(Collected data)
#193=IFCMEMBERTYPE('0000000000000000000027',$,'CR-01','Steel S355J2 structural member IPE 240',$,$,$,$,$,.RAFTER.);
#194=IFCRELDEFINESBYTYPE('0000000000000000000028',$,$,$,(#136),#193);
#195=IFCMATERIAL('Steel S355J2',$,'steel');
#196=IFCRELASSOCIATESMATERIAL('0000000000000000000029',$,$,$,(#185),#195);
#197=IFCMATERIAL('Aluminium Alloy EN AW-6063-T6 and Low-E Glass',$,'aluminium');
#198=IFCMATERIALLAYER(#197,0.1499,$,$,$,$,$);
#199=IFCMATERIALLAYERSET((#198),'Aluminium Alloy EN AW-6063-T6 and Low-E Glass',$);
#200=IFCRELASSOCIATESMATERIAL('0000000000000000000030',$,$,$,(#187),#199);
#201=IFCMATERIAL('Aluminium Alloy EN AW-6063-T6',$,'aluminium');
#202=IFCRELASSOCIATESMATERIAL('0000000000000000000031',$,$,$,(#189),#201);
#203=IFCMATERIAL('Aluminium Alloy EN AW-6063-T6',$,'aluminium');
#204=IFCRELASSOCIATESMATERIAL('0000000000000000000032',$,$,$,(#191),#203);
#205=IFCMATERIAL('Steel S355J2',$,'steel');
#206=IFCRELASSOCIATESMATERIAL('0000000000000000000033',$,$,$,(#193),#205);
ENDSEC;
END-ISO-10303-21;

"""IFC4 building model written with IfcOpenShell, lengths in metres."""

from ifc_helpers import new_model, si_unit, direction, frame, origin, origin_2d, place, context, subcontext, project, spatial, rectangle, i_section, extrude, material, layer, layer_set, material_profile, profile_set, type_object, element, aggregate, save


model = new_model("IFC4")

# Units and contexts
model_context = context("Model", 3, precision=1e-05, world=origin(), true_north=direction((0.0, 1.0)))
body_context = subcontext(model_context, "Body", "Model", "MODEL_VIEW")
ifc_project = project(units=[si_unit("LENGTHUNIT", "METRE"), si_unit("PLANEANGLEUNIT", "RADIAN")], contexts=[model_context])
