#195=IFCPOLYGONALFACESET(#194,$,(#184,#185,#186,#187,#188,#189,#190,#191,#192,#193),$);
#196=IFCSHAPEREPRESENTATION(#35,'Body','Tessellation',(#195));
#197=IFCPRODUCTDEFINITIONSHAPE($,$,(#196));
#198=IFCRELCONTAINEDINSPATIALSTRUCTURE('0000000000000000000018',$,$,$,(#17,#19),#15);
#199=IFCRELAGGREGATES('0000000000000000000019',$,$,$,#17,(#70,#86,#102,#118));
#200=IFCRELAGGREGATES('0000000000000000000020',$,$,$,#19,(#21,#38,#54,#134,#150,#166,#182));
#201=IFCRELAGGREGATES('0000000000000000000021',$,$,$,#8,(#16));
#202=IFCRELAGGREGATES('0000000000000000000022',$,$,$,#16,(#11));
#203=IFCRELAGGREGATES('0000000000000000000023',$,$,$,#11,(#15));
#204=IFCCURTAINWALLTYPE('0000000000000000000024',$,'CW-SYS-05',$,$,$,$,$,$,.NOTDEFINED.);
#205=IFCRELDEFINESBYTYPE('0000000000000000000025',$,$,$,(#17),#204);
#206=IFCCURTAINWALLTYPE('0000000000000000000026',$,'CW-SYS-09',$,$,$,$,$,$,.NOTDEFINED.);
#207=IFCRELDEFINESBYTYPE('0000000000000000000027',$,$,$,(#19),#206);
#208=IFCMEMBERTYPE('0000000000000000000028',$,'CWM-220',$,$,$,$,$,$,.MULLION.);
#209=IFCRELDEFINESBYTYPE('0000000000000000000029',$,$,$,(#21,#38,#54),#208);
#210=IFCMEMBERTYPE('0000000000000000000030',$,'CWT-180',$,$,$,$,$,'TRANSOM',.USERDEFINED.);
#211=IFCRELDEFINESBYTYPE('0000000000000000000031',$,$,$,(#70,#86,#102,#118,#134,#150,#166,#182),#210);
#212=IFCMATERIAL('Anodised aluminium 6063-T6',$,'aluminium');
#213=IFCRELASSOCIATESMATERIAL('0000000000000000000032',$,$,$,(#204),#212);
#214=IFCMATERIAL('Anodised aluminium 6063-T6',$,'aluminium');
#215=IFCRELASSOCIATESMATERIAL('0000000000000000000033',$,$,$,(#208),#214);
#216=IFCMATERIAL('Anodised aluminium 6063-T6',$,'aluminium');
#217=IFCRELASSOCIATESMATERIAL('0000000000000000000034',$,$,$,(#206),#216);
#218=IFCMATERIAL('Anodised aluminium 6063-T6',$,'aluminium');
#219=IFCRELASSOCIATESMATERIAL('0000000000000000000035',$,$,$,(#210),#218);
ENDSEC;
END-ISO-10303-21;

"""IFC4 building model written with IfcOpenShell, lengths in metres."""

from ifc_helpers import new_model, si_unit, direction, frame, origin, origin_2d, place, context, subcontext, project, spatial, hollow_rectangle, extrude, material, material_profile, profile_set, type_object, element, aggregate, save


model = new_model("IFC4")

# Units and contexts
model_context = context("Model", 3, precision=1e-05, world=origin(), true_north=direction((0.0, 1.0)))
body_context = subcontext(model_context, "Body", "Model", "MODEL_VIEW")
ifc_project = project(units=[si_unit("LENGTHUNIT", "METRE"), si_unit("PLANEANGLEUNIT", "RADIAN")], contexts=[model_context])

Task goal:
Identify all lines in the records above with the word "direction".

Response to the task:
from ifc_helpers import new_model, si_unit, direction, frame, origin, origin_2d, place, context, subcontext, project, spatial, rectangle, i_section, extrude, material, layer, layer_set, material_profile, profile_set, type_object, element, aggregate, save
model_context = context("Model", 3, precision=1e-05, world=origin(), true_north=direction((0.0, 1.0)))
from ifc_helpers import new_model, si_unit, direction, frame, origin, origin_2d, place, context, subcontext, project, spatial, hollow_rectangle, extrude, material, material_profile, profile_set, type_object, element, aggregate, save
model_context = context("Model", 3, precision=1e-05, world=origin(), true_north=direction((0.0, 1.0)))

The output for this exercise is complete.